[[ Material for the task open ]]

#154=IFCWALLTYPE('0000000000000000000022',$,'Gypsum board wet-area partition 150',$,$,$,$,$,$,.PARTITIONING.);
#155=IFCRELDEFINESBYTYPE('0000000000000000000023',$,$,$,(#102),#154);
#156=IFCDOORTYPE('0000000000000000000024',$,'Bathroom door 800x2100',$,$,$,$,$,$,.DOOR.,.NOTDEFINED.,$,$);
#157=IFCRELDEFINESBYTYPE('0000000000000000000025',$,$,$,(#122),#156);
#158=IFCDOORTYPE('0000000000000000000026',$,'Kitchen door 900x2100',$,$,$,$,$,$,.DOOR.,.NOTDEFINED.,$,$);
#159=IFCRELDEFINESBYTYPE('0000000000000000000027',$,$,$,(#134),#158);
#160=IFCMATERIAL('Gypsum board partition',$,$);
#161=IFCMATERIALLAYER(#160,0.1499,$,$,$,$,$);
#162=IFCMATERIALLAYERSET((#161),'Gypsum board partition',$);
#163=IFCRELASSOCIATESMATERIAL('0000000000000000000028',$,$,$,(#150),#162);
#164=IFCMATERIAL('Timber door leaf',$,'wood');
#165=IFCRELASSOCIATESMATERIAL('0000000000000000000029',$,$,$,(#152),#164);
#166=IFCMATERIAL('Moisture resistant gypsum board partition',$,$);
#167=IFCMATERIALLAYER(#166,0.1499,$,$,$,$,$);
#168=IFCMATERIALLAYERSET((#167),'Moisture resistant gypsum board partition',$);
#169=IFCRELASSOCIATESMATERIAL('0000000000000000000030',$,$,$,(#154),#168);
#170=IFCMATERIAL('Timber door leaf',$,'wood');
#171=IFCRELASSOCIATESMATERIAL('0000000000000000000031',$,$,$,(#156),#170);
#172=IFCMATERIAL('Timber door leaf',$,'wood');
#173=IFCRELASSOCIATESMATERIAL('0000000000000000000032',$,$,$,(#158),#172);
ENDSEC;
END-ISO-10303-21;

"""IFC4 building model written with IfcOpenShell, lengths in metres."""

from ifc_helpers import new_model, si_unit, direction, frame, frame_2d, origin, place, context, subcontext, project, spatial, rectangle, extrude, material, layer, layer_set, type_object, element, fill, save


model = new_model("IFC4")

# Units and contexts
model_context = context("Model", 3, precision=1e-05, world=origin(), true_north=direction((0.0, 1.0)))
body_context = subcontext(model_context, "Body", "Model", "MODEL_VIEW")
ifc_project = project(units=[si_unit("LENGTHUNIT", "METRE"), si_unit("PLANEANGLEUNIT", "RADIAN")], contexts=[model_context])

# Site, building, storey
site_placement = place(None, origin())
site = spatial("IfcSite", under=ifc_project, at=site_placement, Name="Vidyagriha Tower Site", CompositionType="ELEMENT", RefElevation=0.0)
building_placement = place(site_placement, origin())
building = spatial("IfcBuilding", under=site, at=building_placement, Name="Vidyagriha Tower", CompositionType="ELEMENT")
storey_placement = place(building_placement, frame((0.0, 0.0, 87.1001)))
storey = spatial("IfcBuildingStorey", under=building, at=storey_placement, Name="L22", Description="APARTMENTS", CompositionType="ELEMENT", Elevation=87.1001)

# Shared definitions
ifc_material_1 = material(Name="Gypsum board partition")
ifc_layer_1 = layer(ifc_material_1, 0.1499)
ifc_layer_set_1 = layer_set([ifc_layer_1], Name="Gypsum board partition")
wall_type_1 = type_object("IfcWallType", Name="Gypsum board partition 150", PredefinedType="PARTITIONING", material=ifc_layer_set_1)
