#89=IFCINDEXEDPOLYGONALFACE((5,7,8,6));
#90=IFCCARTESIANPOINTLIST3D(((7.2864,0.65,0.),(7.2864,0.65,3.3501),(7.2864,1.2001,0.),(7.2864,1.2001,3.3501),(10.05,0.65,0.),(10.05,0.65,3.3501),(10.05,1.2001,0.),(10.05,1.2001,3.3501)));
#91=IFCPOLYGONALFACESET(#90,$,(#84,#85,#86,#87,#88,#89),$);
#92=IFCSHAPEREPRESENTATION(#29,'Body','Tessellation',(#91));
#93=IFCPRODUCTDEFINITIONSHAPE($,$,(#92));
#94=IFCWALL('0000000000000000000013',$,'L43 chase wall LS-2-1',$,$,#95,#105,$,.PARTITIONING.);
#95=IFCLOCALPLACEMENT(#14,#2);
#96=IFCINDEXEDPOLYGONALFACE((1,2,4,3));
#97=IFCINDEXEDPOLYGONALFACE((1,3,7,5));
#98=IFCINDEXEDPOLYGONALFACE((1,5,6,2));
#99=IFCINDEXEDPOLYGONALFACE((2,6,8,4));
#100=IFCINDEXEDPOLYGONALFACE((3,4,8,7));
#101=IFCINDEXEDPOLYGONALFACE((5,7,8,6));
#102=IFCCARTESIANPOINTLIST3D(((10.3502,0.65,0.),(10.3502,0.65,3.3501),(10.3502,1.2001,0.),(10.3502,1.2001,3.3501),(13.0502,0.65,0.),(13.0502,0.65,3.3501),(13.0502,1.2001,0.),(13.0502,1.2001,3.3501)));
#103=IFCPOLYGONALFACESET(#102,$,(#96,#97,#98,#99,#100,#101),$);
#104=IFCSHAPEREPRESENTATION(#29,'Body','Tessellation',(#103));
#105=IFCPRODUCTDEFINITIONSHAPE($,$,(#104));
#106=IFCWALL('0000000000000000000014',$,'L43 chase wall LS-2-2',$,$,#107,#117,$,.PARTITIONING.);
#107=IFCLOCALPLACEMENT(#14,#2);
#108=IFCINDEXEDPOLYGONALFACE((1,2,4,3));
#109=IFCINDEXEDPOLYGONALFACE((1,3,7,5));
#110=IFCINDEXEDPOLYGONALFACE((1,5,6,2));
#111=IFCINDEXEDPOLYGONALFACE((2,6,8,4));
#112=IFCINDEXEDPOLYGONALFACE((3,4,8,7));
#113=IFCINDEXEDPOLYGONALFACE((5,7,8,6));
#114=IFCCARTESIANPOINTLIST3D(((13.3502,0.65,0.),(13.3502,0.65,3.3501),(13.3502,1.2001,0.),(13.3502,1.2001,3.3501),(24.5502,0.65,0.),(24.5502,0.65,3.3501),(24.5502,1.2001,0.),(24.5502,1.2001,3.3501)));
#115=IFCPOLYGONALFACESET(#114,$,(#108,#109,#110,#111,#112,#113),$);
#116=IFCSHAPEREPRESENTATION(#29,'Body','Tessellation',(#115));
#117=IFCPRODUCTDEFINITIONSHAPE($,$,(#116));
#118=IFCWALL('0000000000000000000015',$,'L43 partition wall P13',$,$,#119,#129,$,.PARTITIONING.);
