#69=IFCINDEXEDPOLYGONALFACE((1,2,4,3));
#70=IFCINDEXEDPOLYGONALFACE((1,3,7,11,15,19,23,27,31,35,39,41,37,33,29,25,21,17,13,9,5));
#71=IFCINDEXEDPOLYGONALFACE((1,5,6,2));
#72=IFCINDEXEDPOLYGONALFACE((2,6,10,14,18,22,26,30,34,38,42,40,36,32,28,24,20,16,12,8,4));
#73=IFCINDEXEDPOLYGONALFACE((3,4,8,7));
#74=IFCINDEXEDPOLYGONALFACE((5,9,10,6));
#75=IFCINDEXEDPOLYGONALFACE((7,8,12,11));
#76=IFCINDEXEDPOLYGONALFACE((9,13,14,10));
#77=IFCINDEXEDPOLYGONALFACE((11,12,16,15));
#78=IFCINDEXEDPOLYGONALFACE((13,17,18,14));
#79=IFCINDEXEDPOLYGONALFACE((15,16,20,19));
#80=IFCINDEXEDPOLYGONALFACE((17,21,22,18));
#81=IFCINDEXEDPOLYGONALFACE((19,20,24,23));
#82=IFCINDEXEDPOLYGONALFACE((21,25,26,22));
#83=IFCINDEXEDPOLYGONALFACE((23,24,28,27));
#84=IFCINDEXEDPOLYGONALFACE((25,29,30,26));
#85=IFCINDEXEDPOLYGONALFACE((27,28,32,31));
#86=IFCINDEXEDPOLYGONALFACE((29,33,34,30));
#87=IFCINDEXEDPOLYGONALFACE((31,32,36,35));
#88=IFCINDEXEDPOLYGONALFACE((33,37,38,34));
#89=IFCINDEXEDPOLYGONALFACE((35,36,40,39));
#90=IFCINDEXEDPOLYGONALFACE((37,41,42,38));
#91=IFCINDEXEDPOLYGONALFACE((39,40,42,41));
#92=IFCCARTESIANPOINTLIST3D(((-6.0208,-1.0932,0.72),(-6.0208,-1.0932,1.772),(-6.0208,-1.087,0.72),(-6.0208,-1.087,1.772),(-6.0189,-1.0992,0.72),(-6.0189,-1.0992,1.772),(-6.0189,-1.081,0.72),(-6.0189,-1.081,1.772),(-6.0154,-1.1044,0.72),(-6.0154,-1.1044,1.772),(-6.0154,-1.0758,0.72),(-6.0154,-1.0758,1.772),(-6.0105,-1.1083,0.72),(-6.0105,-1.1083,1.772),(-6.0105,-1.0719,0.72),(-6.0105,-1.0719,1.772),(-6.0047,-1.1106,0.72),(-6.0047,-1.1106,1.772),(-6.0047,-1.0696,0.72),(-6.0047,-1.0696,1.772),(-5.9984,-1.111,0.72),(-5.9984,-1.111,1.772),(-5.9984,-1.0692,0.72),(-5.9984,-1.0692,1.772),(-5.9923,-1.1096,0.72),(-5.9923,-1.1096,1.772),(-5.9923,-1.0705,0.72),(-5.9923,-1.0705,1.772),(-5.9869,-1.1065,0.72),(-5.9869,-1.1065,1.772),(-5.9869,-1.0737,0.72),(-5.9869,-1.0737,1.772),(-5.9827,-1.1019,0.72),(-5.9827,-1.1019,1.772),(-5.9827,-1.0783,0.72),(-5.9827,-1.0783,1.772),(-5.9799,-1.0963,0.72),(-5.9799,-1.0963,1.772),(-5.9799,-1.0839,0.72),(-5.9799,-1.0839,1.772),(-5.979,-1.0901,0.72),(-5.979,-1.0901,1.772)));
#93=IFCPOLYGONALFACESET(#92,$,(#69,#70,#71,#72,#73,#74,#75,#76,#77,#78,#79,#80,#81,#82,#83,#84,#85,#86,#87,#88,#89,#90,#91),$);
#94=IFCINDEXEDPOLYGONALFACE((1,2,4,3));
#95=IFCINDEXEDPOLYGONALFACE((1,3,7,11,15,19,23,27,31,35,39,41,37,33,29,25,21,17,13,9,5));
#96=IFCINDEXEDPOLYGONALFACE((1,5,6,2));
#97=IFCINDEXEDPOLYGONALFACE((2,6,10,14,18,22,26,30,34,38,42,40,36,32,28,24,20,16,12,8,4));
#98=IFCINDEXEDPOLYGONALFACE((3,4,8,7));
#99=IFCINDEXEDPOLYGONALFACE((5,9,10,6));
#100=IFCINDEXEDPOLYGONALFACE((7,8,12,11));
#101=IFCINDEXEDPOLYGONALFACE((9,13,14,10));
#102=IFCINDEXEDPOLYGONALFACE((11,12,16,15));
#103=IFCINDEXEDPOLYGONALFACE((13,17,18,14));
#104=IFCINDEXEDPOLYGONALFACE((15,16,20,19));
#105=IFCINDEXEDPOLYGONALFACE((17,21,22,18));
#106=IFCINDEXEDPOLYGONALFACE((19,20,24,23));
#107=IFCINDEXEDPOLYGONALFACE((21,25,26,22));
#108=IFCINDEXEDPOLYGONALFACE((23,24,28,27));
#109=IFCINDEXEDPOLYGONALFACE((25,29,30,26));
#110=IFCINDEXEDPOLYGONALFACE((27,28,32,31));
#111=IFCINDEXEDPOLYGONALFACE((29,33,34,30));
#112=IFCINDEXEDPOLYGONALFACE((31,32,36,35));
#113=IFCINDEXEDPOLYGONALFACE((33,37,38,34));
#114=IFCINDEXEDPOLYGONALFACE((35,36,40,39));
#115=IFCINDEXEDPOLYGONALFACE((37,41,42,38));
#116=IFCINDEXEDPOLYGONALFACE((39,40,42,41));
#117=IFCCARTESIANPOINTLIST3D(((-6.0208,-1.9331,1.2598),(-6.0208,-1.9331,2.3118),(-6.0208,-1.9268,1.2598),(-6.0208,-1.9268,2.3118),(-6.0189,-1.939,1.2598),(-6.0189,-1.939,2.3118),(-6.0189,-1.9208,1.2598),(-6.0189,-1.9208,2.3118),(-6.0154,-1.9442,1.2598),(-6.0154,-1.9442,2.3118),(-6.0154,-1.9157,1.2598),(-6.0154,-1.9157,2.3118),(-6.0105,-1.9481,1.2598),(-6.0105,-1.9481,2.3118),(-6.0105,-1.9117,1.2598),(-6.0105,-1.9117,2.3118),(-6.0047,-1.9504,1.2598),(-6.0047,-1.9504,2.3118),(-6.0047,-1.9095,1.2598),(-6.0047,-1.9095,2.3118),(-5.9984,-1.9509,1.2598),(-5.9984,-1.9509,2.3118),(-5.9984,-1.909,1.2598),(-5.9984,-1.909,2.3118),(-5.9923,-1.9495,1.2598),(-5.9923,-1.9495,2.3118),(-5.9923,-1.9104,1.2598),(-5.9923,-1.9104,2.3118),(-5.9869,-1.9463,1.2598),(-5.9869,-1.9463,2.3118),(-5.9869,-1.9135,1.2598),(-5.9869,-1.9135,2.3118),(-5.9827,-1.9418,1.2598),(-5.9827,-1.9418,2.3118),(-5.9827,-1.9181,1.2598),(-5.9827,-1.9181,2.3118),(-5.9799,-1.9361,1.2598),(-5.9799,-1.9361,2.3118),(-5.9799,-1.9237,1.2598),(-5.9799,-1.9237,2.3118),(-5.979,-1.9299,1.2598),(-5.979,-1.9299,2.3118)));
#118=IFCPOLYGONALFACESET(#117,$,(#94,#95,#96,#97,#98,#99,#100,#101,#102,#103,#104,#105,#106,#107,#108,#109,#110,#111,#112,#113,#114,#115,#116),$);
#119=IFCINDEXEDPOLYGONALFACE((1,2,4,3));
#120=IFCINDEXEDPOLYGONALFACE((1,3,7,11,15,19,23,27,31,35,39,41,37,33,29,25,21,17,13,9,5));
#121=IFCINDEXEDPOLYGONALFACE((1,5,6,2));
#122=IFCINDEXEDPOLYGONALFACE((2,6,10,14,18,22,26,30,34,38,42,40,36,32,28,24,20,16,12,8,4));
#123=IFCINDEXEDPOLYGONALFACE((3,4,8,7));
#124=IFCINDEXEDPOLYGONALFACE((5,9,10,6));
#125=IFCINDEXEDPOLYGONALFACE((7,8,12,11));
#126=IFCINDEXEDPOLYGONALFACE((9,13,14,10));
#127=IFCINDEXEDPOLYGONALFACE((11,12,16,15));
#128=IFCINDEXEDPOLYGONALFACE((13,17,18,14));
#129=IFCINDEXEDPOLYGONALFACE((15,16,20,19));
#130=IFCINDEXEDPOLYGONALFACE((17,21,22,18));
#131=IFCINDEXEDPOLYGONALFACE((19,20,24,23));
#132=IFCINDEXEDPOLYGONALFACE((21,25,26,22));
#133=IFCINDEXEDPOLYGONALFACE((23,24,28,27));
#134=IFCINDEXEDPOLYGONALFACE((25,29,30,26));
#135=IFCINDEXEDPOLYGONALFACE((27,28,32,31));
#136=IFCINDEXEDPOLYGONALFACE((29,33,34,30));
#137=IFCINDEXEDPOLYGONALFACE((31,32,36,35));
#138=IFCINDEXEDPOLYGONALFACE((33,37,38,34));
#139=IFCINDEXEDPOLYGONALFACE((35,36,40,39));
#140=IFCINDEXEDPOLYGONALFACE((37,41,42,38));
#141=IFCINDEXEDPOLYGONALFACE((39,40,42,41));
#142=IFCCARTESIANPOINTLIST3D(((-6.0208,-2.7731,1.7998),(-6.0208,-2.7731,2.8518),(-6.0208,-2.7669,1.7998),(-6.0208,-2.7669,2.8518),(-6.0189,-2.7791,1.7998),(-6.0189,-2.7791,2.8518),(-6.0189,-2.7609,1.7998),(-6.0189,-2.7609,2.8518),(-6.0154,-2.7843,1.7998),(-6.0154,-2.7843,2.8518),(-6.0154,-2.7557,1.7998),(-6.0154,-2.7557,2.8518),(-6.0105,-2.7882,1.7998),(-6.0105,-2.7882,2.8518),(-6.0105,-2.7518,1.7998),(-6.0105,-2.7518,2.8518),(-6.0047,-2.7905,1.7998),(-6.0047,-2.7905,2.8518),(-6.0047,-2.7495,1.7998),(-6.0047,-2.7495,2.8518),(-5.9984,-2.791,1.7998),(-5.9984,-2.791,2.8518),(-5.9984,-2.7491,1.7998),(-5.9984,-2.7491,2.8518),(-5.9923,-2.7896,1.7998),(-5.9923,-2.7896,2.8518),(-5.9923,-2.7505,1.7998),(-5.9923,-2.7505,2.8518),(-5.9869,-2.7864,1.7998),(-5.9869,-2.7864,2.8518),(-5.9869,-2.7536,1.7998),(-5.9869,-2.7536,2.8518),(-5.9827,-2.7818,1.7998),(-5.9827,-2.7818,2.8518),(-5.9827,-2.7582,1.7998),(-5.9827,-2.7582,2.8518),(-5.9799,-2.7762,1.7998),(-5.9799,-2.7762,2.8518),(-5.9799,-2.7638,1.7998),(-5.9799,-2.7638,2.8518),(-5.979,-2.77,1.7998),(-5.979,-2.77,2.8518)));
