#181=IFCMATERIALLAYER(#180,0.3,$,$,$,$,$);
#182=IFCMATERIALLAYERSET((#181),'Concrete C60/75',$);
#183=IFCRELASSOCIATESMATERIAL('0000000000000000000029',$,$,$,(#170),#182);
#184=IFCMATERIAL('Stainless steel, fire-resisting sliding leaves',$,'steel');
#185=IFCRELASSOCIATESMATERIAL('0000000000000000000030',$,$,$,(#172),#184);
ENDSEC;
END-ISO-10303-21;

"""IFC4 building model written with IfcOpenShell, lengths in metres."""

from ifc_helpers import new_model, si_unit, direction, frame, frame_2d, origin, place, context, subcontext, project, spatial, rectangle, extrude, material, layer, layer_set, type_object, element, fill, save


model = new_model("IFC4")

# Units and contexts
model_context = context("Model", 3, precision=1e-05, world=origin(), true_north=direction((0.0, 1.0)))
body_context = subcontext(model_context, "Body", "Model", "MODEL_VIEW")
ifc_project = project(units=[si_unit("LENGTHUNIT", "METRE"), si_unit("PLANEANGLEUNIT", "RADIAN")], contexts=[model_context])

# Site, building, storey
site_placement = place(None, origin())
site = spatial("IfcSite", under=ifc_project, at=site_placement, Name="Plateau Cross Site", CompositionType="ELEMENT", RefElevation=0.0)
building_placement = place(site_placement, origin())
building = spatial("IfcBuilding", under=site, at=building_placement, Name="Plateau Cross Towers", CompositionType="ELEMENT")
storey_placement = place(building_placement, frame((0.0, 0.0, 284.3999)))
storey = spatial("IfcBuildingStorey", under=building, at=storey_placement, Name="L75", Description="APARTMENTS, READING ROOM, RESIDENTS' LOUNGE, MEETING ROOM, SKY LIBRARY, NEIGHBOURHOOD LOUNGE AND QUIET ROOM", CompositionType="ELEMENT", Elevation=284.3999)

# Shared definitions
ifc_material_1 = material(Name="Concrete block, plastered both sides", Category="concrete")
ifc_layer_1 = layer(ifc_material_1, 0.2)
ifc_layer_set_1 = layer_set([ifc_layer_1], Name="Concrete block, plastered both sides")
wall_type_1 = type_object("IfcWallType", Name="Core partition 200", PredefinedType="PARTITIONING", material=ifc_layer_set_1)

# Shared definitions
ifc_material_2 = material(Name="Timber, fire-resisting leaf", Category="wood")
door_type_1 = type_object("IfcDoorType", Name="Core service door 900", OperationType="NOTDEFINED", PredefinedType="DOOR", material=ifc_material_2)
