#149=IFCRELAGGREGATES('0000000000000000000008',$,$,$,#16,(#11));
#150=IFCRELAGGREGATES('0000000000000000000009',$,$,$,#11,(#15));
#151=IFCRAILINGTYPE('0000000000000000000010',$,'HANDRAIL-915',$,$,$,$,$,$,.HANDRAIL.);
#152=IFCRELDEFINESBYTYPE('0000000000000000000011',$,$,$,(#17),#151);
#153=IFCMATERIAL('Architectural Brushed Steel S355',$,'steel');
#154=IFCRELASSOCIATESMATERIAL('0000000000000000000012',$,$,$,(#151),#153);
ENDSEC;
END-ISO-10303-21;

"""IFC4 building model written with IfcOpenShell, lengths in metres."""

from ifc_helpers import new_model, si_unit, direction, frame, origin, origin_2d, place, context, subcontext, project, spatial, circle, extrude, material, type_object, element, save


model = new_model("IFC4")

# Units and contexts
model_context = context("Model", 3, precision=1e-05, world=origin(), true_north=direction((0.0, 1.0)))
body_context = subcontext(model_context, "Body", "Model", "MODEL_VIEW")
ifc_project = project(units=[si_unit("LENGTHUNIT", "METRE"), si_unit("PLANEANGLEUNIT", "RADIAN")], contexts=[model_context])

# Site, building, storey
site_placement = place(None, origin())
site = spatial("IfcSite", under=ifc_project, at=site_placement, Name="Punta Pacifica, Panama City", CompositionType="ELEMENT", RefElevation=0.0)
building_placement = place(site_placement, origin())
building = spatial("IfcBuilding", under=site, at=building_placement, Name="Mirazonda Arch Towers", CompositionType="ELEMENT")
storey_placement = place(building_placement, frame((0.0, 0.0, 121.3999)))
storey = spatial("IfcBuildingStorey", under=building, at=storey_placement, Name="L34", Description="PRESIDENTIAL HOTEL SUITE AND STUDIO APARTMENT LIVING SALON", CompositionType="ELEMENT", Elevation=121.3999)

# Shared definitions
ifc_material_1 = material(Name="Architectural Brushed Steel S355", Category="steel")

[[ Material for the task closed ]]

Lines from the beginning of the data above through the line containing "#162=IFCMATERIALLAYERSET((#161),'Gypsum board partition',$);" are to be returned exactly, and no others.

#154=IFCWALLTYPE('0000000000000000000022',$,'Gypsum board wet-area partition 150',$,$,$,$,$,$,.PARTITIONING.);
#155=IFCRELDEFINESBYTYPE('0000000000000000000023',$,$,$,(#102),#154);
#156=IFCDOORTYPE('0000000000000000000024',$,'Bathroom door 800x2100',$,$,$,$,$,$,.DOOR.,.NOTDEFINED.,$,$);
#157=IFCRELDEFINESBYTYPE('0000000000000000000025',$,$,$,(#122),#156);
#158=IFCDOORTYPE('0000000000000000000026',$,'Kitchen door 900x2100',$,$,$,$,$,$,.DOOR.,.NOTDEFINED.,$,$);
#159=IFCRELDEFINESBYTYPE('0000000000000000000027',$,$,$,(#134),#158);
#160=IFCMATERIAL('Gypsum board partition',$,$);
#161=IFCMATERIALLAYER(#160,0.1499,$,$,$,$,$);
#162=IFCMATERIALLAYERSET((#161),'Gypsum board partition',$);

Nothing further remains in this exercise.